> **Brief**: Only the lines that hold "IfcBeamType" should be in the answer, each copied from the data below.

> **Task data**:
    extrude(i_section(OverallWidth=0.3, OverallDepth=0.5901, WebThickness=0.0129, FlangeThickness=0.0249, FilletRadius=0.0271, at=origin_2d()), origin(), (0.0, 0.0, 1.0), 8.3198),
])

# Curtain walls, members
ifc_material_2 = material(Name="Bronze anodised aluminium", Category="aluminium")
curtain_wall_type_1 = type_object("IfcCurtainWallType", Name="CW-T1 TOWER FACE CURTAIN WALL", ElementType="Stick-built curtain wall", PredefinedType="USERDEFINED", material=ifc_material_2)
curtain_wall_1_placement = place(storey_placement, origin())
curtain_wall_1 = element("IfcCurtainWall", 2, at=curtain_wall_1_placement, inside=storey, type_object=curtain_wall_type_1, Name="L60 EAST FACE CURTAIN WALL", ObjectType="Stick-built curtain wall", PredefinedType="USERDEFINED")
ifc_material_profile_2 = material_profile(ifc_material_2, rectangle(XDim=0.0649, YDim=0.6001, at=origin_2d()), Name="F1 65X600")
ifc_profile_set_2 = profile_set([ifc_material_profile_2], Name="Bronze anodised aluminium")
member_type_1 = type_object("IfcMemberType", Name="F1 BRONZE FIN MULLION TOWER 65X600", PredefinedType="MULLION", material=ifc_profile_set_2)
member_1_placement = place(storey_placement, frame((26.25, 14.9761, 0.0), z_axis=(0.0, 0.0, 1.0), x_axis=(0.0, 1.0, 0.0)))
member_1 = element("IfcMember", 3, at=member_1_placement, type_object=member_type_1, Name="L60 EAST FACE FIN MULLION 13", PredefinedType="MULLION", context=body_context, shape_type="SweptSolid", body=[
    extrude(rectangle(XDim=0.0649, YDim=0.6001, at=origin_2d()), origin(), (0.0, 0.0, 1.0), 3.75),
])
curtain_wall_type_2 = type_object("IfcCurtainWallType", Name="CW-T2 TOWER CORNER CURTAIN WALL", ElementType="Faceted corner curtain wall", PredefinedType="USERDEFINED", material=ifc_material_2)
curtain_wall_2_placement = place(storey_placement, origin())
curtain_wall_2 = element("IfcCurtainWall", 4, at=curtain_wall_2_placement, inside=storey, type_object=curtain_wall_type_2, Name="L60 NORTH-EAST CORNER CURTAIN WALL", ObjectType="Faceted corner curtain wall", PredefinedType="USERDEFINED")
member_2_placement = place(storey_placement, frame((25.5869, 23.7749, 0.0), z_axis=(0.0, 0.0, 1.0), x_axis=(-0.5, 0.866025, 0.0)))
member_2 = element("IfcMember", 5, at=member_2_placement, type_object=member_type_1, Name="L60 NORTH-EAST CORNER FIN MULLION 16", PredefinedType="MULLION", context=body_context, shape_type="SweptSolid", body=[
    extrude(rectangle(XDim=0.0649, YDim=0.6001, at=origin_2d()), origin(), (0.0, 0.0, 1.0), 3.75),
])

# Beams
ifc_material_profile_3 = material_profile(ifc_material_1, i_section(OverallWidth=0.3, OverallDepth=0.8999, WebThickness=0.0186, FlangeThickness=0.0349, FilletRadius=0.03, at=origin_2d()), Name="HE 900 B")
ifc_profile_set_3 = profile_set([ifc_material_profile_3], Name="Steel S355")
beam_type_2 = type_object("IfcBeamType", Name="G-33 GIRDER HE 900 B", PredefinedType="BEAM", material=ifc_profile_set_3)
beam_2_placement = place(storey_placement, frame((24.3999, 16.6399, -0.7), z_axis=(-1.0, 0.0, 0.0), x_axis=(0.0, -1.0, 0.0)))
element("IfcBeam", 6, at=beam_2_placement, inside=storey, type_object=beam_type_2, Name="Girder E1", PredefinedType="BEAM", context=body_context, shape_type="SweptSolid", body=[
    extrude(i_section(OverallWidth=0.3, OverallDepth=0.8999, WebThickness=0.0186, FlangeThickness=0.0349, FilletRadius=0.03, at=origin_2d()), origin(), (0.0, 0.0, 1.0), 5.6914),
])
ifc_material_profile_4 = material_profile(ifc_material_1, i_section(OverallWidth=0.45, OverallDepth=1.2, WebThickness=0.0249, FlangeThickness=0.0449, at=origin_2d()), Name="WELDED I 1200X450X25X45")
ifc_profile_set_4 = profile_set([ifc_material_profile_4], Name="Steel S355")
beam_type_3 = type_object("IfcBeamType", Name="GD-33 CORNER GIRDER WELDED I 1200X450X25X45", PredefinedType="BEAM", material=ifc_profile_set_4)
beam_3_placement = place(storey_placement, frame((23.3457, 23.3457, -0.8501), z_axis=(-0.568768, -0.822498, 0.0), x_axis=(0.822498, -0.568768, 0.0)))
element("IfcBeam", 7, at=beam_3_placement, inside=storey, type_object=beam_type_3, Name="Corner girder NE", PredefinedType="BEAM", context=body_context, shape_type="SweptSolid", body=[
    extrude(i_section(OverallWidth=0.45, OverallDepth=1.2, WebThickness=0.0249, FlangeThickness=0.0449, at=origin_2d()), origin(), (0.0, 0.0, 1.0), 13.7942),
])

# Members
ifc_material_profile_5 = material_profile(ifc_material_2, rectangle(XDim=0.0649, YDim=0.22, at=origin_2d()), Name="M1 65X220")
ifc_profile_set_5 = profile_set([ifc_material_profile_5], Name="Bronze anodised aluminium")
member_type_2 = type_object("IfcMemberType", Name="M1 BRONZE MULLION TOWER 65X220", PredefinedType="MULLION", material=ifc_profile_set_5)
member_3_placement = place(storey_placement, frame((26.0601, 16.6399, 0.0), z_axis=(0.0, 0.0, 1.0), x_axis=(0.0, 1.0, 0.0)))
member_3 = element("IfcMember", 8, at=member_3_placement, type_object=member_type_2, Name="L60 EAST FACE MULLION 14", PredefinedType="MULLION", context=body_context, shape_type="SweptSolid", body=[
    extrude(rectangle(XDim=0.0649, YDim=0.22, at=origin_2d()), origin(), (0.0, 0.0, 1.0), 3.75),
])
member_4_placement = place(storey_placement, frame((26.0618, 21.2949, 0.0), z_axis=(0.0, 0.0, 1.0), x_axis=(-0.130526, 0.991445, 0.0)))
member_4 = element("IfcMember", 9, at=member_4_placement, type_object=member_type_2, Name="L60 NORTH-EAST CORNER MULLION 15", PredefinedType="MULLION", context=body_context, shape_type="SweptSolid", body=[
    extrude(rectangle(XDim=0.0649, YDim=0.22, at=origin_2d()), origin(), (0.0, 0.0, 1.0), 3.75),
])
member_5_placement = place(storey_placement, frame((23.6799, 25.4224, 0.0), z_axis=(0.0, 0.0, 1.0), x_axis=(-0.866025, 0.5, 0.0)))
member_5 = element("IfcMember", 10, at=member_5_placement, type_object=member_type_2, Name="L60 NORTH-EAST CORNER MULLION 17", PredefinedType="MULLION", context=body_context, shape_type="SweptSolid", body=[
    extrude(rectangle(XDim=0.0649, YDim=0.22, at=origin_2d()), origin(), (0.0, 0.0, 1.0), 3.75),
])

> **Solved problem**:
beam_type_2 = type_object("IfcBeamType", Name="G-33 GIRDER HE 900 B", PredefinedType="BEAM", material=ifc_profile_set_3)
beam_type_3 = type_object("IfcBeamType", Name="GD-33 CORNER GIRDER WELDED I 1200X450X25X45", PredefinedType="BEAM", material=ifc_profile_set_4)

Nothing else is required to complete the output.